─── Supplied data
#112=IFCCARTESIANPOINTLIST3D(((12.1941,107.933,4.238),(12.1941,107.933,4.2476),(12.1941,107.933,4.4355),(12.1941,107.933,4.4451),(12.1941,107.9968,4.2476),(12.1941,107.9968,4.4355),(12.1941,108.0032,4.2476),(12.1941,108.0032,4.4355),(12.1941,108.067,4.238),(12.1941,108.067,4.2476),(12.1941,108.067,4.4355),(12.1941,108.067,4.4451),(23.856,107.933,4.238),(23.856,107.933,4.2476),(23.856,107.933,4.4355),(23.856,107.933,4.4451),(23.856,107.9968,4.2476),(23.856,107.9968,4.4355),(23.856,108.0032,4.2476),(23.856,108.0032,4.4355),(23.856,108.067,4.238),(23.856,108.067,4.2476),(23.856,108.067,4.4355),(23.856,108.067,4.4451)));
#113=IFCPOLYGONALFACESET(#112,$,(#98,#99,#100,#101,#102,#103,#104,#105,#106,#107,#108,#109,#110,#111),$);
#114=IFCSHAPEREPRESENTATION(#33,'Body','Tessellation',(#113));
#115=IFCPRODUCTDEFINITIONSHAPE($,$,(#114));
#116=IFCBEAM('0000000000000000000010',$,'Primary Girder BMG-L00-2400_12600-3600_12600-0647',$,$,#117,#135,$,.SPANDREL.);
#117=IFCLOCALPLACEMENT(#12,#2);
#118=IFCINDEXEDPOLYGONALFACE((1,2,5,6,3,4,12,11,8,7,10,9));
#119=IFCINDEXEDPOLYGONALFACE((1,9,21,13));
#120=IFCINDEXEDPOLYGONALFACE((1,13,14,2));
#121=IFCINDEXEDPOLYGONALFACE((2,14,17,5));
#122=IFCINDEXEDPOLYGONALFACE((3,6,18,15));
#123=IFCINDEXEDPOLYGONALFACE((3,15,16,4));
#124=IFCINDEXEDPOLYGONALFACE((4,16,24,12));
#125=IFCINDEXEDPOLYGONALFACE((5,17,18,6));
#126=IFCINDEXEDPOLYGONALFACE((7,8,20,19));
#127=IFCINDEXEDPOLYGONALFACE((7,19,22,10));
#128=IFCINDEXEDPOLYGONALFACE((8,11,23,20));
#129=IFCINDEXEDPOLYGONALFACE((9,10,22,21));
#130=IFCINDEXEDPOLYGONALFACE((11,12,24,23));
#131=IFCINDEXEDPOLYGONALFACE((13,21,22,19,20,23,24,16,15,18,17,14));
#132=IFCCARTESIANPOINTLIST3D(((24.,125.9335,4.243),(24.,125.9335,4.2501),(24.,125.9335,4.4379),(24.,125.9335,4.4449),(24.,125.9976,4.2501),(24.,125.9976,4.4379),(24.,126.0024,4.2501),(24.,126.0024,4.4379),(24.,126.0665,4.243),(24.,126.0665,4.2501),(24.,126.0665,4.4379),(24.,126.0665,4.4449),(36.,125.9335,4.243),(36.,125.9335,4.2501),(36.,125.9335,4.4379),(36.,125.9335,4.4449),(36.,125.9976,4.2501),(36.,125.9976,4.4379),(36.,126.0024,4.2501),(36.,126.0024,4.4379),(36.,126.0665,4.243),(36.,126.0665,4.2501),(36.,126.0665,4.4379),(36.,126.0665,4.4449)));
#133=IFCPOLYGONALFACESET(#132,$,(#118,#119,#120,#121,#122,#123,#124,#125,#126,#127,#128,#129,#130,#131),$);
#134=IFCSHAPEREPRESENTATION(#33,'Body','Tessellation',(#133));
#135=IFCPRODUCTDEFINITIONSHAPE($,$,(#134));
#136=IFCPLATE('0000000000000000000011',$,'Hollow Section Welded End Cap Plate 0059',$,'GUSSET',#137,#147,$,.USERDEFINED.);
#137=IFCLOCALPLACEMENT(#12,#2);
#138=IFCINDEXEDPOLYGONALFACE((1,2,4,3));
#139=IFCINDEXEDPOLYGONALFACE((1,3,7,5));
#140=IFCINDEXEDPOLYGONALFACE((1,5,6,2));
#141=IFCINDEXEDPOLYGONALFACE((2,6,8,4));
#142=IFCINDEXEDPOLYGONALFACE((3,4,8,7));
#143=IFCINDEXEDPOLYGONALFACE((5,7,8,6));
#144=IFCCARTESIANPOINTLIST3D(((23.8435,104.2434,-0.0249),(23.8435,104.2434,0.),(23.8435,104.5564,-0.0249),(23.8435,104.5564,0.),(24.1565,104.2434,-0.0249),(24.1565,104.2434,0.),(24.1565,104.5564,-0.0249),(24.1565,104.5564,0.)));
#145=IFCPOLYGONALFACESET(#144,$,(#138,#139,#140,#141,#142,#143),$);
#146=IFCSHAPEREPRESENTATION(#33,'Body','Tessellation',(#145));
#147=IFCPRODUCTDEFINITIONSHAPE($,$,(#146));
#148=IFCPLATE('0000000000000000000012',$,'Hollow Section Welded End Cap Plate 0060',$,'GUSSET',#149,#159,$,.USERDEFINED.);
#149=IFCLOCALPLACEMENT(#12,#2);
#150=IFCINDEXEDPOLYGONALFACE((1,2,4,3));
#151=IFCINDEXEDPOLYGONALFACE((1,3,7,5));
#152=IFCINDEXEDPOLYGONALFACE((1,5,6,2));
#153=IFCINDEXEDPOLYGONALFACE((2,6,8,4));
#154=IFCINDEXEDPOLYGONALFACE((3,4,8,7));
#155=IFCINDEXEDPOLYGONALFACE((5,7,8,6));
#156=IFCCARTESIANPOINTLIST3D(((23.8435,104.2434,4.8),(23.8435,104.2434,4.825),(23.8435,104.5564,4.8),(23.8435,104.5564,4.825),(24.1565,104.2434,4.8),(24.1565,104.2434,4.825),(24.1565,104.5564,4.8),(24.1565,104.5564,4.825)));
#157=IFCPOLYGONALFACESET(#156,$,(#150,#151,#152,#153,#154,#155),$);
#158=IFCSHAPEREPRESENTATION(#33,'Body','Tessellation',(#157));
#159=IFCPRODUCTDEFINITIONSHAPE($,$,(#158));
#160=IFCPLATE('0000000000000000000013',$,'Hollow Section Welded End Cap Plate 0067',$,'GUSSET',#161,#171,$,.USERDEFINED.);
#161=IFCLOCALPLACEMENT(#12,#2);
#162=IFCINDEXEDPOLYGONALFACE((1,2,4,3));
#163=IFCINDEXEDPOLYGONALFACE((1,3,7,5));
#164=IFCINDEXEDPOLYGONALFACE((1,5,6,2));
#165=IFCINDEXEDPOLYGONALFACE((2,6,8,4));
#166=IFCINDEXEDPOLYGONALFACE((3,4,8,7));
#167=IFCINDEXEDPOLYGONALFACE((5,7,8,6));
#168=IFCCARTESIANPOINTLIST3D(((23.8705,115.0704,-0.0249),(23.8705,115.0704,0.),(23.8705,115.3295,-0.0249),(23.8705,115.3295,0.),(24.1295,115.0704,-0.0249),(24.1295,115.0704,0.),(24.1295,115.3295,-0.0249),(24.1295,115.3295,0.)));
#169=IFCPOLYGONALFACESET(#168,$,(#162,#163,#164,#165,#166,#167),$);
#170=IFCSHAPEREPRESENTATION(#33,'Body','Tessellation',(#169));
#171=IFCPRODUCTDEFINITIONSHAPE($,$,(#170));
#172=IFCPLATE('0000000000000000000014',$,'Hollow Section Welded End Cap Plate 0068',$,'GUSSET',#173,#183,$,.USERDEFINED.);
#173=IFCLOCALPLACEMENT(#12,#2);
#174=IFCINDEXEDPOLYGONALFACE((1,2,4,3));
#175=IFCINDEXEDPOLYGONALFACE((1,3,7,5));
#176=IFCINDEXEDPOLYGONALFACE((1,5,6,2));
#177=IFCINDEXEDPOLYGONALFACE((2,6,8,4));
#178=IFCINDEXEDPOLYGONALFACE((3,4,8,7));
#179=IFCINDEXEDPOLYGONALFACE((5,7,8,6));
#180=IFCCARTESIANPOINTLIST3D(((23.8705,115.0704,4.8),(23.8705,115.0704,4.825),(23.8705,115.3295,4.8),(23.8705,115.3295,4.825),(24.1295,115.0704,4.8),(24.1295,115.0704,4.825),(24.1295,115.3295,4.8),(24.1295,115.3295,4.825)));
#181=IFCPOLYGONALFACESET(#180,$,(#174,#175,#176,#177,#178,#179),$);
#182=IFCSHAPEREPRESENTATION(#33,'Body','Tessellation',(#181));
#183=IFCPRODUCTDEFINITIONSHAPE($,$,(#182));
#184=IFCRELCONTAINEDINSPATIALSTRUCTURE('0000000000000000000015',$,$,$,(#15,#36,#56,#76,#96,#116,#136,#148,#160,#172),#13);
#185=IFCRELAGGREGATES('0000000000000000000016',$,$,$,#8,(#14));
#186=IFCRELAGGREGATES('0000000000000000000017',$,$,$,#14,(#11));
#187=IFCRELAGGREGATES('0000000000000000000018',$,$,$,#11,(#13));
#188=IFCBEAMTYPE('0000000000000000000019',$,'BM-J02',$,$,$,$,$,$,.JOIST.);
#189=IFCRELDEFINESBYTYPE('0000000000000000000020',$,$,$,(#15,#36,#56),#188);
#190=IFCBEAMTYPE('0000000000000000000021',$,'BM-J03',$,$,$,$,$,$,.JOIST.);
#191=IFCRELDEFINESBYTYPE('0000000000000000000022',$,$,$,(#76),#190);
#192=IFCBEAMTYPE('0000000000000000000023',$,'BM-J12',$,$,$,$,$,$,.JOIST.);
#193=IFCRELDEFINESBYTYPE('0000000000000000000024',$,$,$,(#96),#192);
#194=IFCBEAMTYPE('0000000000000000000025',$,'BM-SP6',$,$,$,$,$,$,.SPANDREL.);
──────
To do> In the records above, find each line holding "GUSSET" and copy it.

Response for this exercise>
#136=IFCPLATE('0000000000000000000011',$,'Hollow Section Welded End Cap Plate 0059',$,'GUSSET',#137,#147,$,.USERDEFINED.);
#148=IFCPLATE('0000000000000000000012',$,'Hollow Section Welded End Cap Plate 0060',$,'GUSSET',#149,#159,$,.USERDEFINED.);
#160=IFCPLATE('0000000000000000000013',$,'Hollow Section Welded End Cap Plate 0067',$,'GUSSET',#161,#171,$,.USERDEFINED.);
#172=IFCPLATE('0000000000000000000014',$,'Hollow Section Welded End Cap Plate 0068',$,'GUSSET',#173,#183,$,.USERDEFINED.);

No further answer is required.